Aim of the exercise
What you return should be each line of the data containing the string "steel".

=======

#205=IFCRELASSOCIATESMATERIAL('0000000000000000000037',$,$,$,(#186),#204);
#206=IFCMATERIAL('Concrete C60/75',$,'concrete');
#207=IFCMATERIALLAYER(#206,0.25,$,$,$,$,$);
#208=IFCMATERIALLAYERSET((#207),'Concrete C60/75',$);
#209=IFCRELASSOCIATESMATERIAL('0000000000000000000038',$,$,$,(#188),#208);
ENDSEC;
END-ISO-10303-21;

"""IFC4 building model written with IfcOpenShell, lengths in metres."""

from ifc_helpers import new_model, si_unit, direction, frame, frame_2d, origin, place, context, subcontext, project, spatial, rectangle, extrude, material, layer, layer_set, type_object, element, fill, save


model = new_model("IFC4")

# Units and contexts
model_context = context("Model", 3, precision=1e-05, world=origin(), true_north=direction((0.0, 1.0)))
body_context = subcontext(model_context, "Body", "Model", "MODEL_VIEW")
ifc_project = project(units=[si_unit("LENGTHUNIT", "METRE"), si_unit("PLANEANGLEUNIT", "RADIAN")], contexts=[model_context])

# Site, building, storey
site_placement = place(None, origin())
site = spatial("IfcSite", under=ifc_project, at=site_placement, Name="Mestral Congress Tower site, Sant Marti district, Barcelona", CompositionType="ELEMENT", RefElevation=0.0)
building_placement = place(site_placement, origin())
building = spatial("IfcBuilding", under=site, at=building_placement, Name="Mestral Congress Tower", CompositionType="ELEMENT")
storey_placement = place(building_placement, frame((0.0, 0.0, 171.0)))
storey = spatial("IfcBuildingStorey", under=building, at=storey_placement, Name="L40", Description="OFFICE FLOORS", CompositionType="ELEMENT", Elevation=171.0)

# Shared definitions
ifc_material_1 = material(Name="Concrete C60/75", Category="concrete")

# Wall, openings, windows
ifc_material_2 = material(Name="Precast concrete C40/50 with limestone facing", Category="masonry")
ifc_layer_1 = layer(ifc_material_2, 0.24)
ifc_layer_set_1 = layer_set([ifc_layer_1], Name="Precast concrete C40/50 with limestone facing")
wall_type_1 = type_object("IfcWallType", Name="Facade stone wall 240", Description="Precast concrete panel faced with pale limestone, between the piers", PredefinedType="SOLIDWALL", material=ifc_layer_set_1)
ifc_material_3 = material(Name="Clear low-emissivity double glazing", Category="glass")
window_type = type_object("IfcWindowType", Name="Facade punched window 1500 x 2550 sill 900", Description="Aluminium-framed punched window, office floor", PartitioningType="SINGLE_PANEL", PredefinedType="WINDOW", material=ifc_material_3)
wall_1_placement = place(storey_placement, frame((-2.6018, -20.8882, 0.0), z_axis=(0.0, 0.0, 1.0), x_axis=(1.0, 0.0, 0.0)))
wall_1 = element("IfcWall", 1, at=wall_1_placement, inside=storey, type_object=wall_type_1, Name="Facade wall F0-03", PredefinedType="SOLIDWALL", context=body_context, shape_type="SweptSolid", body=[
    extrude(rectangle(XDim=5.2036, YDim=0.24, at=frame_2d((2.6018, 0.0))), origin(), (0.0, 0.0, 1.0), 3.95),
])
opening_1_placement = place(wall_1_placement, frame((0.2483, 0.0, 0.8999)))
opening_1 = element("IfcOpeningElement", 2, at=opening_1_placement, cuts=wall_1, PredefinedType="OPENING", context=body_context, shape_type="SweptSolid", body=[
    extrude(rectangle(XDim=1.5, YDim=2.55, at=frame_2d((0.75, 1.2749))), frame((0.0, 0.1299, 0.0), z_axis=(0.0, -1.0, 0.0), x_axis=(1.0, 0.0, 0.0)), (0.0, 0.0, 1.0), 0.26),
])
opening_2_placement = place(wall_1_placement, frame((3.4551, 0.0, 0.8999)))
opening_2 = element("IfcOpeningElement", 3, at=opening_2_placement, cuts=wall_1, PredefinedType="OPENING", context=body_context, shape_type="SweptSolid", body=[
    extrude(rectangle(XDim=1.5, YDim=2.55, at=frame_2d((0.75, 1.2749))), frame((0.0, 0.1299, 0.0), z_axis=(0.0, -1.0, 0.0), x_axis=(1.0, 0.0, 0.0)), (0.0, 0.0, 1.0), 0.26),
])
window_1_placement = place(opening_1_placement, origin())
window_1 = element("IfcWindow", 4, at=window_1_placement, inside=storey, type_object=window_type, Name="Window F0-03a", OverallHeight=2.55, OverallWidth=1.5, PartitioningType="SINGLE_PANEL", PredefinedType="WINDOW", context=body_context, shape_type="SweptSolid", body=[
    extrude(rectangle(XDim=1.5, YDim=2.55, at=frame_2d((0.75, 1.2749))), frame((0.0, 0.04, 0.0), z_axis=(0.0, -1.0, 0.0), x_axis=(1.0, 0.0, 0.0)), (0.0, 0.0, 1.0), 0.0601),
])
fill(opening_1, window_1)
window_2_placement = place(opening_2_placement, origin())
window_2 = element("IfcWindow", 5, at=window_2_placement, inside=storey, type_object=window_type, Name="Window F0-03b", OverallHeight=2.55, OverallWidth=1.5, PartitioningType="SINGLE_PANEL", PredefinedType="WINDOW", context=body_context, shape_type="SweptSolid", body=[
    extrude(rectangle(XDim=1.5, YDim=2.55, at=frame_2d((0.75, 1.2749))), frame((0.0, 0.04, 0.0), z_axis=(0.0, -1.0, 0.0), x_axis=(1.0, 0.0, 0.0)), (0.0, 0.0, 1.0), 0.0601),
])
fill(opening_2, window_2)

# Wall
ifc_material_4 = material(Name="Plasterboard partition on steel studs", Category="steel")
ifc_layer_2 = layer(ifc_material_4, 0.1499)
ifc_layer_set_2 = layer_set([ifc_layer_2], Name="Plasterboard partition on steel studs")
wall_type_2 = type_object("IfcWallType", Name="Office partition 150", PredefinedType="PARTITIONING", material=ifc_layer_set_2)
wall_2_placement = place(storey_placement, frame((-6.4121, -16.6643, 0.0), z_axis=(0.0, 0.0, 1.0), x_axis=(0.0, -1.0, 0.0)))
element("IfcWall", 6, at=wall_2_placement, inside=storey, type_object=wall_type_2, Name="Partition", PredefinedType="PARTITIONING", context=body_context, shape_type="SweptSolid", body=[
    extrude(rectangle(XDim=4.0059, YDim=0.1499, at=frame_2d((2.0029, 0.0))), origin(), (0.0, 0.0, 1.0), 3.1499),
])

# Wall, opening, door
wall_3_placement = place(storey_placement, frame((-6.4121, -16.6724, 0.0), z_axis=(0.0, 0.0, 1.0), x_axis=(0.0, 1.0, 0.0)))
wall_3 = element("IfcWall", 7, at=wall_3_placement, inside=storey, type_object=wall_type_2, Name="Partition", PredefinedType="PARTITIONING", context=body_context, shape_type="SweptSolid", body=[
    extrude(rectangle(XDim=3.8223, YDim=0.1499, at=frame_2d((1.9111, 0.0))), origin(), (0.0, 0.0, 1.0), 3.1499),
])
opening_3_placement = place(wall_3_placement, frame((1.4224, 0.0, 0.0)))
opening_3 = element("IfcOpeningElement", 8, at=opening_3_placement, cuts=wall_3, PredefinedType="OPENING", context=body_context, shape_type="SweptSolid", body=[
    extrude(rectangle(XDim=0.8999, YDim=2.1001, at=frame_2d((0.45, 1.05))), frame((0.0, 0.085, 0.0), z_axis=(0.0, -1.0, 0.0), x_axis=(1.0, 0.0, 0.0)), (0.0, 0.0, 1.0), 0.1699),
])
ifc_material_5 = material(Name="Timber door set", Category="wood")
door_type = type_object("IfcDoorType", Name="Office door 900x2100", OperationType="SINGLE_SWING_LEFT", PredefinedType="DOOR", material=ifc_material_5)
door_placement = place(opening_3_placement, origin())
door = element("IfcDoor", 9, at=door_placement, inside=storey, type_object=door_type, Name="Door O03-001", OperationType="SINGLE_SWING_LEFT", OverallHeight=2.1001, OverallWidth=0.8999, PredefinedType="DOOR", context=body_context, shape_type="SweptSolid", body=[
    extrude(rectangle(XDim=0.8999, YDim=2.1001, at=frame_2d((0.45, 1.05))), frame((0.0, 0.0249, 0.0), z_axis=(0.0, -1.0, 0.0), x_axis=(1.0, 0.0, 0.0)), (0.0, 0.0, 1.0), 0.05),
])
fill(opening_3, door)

=======

Solved exercise
ifc_material_4 = material(Name="Plasterboard partition on steel studs", Category="steel")
ifc_layer_set_2 = layer_set([ifc_layer_2], Name="Plasterboard partition on steel studs")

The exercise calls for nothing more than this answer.